* [PROMPT]:
Which lines run from the line containing "END-ISO-10303-21;" through the end of the records below? Reproduce them exactly, and nothing else.

* [SUPPLIED ENTRIES]:
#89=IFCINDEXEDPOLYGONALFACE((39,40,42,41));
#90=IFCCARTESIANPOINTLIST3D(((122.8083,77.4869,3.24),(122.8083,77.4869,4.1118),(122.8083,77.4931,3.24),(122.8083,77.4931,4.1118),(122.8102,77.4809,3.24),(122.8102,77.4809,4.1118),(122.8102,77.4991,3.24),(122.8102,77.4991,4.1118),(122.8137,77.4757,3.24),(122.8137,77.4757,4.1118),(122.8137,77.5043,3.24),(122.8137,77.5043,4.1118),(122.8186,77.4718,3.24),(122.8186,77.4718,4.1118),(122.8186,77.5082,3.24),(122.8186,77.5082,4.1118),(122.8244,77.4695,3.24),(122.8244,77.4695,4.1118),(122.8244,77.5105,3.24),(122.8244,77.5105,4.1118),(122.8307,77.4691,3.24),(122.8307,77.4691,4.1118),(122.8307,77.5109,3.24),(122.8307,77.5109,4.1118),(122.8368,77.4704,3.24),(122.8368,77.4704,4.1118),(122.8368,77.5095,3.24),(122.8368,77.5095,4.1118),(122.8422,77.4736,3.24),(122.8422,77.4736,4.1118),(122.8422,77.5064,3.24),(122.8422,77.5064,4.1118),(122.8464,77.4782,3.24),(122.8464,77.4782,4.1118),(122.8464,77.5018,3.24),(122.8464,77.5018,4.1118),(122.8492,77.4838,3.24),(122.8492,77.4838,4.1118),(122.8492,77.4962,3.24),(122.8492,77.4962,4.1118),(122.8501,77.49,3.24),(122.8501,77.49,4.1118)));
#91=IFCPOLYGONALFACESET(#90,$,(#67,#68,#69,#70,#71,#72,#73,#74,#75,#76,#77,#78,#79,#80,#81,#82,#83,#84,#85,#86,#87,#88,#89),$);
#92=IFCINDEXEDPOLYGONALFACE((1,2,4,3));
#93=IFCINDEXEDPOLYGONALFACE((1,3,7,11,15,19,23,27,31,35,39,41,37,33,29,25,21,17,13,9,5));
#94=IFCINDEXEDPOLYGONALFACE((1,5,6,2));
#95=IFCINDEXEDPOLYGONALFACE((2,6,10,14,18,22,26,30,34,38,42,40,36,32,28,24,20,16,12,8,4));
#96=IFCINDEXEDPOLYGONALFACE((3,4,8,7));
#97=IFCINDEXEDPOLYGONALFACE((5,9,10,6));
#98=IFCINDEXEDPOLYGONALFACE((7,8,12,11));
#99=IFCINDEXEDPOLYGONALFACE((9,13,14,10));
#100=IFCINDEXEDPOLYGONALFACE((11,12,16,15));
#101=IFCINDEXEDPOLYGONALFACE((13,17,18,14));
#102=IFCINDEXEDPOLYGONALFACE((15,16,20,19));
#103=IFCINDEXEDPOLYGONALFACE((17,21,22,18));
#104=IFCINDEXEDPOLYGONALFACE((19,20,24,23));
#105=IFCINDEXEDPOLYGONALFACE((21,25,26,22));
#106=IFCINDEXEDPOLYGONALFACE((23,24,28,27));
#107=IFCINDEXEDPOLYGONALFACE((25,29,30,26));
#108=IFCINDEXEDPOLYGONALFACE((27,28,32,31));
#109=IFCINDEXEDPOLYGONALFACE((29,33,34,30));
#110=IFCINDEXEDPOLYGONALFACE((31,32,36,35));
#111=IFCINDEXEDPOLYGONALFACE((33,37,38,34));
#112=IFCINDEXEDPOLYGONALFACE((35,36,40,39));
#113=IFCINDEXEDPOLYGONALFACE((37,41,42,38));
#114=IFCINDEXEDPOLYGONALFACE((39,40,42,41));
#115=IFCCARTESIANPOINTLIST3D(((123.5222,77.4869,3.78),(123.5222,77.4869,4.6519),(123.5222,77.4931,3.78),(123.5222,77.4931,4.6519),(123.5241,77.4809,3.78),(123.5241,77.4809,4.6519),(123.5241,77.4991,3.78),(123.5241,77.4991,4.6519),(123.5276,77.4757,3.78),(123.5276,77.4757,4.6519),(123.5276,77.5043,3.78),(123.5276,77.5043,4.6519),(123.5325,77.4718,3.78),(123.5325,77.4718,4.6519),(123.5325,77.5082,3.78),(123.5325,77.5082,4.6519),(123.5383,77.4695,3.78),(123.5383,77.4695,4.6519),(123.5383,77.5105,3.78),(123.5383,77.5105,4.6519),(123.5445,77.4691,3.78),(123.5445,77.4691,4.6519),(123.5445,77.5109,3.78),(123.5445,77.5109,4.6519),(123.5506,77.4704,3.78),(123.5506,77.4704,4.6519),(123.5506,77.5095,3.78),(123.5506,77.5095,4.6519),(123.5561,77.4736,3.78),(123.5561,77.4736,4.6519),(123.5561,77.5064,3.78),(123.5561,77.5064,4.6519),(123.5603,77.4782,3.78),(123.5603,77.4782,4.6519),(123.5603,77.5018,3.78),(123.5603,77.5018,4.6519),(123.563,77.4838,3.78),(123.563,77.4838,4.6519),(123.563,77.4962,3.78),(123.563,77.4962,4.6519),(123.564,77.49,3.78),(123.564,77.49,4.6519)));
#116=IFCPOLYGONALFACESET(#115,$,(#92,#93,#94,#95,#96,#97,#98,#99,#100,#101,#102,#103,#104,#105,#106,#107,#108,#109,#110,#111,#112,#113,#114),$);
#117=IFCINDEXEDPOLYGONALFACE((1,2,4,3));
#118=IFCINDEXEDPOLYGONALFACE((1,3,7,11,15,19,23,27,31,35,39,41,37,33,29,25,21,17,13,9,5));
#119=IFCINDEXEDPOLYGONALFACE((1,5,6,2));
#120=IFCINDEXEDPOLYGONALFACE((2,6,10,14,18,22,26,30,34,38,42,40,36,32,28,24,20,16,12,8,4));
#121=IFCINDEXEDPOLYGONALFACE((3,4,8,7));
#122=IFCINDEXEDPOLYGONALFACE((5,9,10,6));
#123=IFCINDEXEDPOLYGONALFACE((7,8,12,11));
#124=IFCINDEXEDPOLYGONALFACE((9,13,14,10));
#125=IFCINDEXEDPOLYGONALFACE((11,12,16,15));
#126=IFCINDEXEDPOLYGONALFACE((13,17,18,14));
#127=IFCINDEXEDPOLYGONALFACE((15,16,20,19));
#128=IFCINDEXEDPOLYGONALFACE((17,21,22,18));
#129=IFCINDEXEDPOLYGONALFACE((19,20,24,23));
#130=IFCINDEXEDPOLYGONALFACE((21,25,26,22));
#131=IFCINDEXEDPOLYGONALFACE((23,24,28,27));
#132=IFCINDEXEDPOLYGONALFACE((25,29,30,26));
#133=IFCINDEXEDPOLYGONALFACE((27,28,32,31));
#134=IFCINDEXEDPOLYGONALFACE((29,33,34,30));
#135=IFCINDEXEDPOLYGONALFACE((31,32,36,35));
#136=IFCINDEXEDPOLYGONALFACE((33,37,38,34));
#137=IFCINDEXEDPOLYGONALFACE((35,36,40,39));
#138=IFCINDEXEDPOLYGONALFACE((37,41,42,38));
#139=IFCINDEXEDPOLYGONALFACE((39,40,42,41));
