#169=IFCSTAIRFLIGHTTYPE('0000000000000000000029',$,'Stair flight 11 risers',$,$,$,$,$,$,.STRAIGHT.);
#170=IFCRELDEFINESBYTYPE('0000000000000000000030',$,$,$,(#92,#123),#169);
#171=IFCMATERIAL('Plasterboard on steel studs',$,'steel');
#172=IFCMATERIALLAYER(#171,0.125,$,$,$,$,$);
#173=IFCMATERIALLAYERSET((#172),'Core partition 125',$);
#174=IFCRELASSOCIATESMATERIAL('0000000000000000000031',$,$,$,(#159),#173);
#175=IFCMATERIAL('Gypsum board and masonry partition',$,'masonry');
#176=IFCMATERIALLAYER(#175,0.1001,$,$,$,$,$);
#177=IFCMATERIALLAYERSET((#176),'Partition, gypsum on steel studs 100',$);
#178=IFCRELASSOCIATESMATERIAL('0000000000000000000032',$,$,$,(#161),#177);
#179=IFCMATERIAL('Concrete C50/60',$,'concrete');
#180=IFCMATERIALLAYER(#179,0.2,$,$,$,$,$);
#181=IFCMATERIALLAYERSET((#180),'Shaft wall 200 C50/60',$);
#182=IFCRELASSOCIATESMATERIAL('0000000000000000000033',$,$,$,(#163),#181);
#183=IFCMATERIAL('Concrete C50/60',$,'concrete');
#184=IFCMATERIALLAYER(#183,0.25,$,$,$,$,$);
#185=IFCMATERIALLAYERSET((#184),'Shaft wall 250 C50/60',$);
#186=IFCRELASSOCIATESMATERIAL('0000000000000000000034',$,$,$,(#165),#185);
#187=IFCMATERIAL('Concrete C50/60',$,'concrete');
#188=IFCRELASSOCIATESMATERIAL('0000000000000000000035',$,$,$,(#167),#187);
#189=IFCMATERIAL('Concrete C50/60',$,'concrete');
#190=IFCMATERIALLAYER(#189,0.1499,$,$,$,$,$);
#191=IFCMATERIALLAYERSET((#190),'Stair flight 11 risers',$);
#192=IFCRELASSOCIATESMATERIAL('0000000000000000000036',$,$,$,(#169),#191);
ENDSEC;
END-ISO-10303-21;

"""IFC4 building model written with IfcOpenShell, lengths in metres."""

* [REPLY TO THE EXERCISE]:
END-ISO-10303-21;

"""IFC4 building model written with IfcOpenShell, lengths in metres."""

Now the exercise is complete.